• Source material
'''
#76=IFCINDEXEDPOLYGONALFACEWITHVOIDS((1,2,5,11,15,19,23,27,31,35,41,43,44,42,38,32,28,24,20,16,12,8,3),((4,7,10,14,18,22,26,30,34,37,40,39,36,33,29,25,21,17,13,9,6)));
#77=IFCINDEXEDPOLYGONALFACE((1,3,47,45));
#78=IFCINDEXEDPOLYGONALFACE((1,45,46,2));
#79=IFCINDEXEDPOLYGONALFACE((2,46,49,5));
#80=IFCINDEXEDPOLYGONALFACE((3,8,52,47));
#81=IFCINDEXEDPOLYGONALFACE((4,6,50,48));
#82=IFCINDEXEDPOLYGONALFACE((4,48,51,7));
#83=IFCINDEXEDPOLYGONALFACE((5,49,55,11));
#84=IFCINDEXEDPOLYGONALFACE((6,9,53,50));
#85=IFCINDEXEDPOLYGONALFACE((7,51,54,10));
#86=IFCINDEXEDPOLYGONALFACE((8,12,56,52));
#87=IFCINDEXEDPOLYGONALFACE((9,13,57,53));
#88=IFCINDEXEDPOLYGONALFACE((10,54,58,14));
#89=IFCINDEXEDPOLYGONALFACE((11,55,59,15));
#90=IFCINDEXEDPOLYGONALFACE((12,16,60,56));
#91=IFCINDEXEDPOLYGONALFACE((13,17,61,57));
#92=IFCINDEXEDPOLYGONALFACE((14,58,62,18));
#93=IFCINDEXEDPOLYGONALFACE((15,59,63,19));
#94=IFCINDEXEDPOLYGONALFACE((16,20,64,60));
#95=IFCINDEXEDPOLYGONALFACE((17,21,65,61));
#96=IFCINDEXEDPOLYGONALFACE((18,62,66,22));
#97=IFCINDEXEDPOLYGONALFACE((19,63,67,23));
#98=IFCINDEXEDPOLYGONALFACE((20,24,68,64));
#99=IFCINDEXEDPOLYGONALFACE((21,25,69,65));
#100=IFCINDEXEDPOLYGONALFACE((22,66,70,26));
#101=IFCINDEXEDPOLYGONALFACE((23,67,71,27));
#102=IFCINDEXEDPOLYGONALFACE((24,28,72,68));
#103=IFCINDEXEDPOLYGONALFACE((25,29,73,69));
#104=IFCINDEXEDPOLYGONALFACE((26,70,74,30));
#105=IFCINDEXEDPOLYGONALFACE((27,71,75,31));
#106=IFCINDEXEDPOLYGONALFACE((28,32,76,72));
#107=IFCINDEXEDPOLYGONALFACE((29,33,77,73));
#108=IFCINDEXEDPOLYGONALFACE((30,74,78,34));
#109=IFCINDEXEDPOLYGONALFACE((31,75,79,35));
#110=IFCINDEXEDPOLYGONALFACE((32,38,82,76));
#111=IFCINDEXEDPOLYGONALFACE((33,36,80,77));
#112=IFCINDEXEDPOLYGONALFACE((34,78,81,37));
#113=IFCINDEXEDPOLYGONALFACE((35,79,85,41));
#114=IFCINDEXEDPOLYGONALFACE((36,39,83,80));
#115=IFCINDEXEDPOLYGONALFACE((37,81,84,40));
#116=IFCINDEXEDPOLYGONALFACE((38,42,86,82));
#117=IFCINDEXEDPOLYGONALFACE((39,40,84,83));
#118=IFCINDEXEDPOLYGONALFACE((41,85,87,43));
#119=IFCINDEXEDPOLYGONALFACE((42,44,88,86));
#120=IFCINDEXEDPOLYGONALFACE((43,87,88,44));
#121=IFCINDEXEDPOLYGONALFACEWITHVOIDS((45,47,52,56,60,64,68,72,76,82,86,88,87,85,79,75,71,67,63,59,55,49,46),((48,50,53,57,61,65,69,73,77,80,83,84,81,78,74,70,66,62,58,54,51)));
'''
The lines sought are those in the data above that include the string "IFCINDEXEDPOLYGONALFACEWITHVOIDS"; copy each one.

#76=IFCINDEXEDPOLYGONALFACEWITHVOIDS((1,2,5,11,15,19,23,27,31,35,41,43,44,42,38,32,28,24,20,16,12,8,3),((4,7,10,14,18,22,26,30,34,37,40,39,36,33,29,25,21,17,13,9,6)));
#121=IFCINDEXEDPOLYGONALFACEWITHVOIDS((45,47,52,56,60,64,68,72,76,82,86,88,87,85,79,75,71,67,63,59,55,49,46),((48,50,53,57,61,65,69,73,77,80,83,84,81,78,74,70,66,62,58,54,51)));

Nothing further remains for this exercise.